======== Task material ========

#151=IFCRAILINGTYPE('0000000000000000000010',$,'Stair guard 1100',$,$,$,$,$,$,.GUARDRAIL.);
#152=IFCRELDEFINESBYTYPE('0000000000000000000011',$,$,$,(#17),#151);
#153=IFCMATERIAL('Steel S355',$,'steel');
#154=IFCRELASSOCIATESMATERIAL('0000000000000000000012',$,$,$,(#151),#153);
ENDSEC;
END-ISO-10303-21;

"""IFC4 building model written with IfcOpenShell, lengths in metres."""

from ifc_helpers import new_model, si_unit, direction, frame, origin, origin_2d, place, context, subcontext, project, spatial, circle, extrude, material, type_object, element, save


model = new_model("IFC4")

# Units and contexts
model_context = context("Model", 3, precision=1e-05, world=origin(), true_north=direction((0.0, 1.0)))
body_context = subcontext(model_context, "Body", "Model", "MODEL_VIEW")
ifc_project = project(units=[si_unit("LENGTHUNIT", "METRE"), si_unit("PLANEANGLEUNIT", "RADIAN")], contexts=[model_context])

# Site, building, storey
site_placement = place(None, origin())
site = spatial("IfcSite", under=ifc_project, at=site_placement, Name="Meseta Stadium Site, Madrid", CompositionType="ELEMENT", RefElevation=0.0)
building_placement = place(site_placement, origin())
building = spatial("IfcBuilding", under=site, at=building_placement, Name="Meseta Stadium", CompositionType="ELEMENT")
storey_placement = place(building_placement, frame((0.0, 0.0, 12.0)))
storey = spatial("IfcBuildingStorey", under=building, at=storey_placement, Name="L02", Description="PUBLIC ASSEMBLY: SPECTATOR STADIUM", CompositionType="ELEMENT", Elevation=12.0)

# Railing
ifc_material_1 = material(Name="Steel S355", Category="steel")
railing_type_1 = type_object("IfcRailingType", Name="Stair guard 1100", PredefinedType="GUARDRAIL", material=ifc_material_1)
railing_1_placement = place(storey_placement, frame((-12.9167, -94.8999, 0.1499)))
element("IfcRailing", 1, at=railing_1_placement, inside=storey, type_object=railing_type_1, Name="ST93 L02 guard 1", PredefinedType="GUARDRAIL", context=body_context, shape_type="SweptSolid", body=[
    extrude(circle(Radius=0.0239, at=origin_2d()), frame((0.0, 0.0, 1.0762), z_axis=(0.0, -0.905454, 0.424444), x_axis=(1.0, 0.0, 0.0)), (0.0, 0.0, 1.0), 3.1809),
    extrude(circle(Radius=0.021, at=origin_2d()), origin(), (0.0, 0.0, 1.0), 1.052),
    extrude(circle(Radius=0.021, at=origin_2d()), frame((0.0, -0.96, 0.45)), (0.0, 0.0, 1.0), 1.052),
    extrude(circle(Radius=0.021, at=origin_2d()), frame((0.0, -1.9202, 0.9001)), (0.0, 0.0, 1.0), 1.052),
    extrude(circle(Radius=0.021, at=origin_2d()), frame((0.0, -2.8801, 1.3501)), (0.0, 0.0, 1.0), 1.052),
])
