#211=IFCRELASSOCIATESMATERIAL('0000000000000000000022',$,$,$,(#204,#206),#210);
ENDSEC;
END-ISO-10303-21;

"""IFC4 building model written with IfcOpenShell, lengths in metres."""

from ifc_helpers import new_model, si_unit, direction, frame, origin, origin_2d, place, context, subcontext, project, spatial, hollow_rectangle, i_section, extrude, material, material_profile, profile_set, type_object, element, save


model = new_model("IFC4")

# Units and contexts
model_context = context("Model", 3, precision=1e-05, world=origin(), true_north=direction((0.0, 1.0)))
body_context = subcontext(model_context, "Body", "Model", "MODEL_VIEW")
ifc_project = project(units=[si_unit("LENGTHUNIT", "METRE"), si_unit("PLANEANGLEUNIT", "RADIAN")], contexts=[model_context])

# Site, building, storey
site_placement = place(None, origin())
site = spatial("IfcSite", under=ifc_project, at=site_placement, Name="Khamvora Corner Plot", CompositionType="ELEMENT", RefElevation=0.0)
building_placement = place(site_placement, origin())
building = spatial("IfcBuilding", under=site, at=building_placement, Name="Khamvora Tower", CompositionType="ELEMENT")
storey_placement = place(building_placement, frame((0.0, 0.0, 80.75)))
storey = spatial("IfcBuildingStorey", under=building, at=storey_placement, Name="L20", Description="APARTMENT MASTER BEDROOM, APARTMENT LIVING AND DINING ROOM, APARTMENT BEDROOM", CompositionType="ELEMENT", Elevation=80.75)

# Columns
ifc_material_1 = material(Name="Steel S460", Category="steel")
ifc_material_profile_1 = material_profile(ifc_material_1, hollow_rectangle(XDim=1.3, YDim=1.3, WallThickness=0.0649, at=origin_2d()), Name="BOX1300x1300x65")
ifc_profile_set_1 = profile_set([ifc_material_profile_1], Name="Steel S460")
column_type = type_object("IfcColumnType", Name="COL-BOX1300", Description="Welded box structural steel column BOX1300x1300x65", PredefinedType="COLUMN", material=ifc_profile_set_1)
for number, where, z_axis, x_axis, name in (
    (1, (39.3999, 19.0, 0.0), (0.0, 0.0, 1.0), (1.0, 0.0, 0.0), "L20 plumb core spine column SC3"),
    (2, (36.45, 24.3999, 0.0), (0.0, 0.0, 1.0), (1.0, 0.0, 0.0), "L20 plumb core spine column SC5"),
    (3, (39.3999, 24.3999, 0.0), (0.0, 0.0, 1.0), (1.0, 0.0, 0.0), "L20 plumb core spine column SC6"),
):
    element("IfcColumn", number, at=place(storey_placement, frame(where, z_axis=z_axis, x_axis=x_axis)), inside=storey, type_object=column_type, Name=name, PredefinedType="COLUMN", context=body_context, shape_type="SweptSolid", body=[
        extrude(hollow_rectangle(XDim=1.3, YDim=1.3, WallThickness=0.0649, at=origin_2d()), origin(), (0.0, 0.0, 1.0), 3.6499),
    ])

========

__Your objective__: Which lines of the data contain "IFCRELASSOCIATESMATERIAL"? Copy them all.

__Completed task__:
#154=IFCRELASSOCIATESMATERIAL('0000000000000000000012',$,$,$,(#151),#153);
#211=IFCRELASSOCIATESMATERIAL('0000000000000000000022',$,$,$,(#204,#206),#210);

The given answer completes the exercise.